#### Activity:
Transcribe each entry. Change nothing.

Start of Extracted information

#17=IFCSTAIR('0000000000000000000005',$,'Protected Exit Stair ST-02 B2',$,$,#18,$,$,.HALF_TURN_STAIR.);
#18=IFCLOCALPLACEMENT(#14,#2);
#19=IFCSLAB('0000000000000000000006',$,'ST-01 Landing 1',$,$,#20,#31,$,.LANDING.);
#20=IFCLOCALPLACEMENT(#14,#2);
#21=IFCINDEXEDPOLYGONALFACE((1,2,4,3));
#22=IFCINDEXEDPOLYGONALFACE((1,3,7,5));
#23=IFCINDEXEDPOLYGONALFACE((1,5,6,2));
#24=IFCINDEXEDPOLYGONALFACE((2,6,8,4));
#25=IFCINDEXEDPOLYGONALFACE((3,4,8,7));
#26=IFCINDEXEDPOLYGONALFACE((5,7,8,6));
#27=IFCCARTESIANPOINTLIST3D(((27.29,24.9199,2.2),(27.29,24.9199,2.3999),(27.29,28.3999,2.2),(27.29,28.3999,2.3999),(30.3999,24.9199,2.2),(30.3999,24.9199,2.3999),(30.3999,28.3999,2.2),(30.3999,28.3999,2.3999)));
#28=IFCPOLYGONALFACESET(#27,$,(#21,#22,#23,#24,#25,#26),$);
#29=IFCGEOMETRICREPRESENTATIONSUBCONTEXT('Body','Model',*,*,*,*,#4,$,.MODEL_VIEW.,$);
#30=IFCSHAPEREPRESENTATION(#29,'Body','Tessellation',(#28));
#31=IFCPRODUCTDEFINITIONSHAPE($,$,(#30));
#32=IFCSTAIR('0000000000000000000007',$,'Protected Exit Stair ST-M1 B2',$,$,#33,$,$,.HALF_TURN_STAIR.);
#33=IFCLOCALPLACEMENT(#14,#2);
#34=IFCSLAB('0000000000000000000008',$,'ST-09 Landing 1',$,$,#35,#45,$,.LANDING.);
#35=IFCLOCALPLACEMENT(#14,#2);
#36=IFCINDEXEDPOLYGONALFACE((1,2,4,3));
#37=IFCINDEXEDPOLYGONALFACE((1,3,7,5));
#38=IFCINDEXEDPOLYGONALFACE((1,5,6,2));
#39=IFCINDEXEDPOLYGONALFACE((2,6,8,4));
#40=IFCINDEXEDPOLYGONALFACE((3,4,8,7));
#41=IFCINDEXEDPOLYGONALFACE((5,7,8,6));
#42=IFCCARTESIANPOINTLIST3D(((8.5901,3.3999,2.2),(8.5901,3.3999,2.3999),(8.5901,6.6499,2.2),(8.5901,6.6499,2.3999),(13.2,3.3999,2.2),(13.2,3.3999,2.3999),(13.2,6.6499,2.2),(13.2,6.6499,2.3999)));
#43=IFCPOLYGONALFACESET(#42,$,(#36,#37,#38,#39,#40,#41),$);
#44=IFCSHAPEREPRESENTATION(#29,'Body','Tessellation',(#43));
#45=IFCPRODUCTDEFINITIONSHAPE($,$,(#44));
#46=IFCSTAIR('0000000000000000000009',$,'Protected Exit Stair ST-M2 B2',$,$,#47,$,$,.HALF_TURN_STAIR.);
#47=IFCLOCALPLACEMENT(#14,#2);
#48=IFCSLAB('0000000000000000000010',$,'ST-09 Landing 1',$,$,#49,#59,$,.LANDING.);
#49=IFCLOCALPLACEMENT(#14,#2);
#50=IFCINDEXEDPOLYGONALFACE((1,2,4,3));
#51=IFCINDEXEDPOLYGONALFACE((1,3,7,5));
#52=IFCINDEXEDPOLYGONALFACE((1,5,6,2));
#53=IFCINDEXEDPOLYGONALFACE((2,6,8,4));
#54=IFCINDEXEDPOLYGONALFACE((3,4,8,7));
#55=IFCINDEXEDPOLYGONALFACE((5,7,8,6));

End of Extracted information

#### Task output:
#17=IFCSTAIR('0000000000000000000005',$,'Protected Exit Stair ST-02 B2',$,$,#18,$,$,.HALF_TURN_STAIR.);
#18=IFCLOCALPLACEMENT(#14,#2);
#19=IFCSLAB('0000000000000000000006',$,'ST-01 Landing 1',$,$,#20,#31,$,.LANDING.);
#20=IFCLOCALPLACEMENT(#14,#2);
#21=IFCINDEXEDPOLYGONALFACE((1,2,4,3));
#22=IFCINDEXEDPOLYGONALFACE((1,3,7,5));
#23=IFCINDEXEDPOLYGONALFACE((1,5,6,2));
#24=IFCINDEXEDPOLYGONALFACE((2,6,8,4));
#25=IFCINDEXEDPOLYGONALFACE((3,4,8,7));
#26=IFCINDEXEDPOLYGONALFACE((5,7,8,6));
#27=IFCCARTESIANPOINTLIST3D(((27.29,24.9199,2.2),(27.29,24.9199,2.3999),(27.29,28.3999,2.2),(27.29,28.3999,2.3999),(30.3999,24.9199,2.2),(30.3999,24.9199,2.3999),(30.3999,28.3999,2.2),(30.3999,28.3999,2.3999)));
#28=IFCPOLYGONALFACESET(#27,$,(#21,#22,#23,#24,#25,#26),$);
#29=IFCGEOMETRICREPRESENTATIONSUBCONTEXT('Body','Model',*,*,*,*,#4,$,.MODEL_VIEW.,$);
#30=IFCSHAPEREPRESENTATION(#29,'Body','Tessellation',(#28));
#31=IFCPRODUCTDEFINITIONSHAPE($,$,(#30));
#32=IFCSTAIR('0000000000000000000007',$,'Protected Exit Stair ST-M1 B2',$,$,#33,$,$,.HALF_TURN_STAIR.);
#33=IFCLOCALPLACEMENT(#14,#2);
#34=IFCSLAB('0000000000000000000008',$,'ST-09 Landing 1',$,$,#35,#45,$,.LANDING.);
#35=IFCLOCALPLACEMENT(#14,#2);
#36=IFCINDEXEDPOLYGONALFACE((1,2,4,3));
#37=IFCINDEXEDPOLYGONALFACE((1,3,7,5));
#38=IFCINDEXEDPOLYGONALFACE((1,5,6,2));
#39=IFCINDEXEDPOLYGONALFACE((2,6,8,4));
#40=IFCINDEXEDPOLYGONALFACE((3,4,8,7));
#41=IFCINDEXEDPOLYGONALFACE((5,7,8,6));
#42=IFCCARTESIANPOINTLIST3D(((8.5901,3.3999,2.2),(8.5901,3.3999,2.3999),(8.5901,6.6499,2.2),(8.5901,6.6499,2.3999),(13.2,3.3999,2.2),(13.2,3.3999,2.3999),(13.2,6.6499,2.2),(13.2,6.6499,2.3999)));
#43=IFCPOLYGONALFACESET(#42,$,(#36,#37,#38,#39,#40,#41),$);
#44=IFCSHAPEREPRESENTATION(#29,'Body','Tessellation',(#43));
#45=IFCPRODUCTDEFINITIONSHAPE($,$,(#44));
#46=IFCSTAIR('0000000000000000000009',$,'Protected Exit Stair ST-M2 B2',$,$,#47,$,$,.HALF_TURN_STAIR.);
#47=IFCLOCALPLACEMENT(#14,#2);
#48=IFCSLAB('0000000000000000000010',$,'ST-09 Landing 1',$,$,#49,#59,$,.LANDING.);
#49=IFCLOCALPLACEMENT(#14,#2);
#50=IFCINDEXEDPOLYGONALFACE((1,2,4,3));
#51=IFCINDEXEDPOLYGONALFACE((1,3,7,5));
#52=IFCINDEXEDPOLYGONALFACE((1,5,6,2));
#53=IFCINDEXEDPOLYGONALFACE((2,6,8,4));
#54=IFCINDEXEDPOLYGONALFACE((3,4,8,7));
#55=IFCINDEXEDPOLYGONALFACE((5,7,8,6));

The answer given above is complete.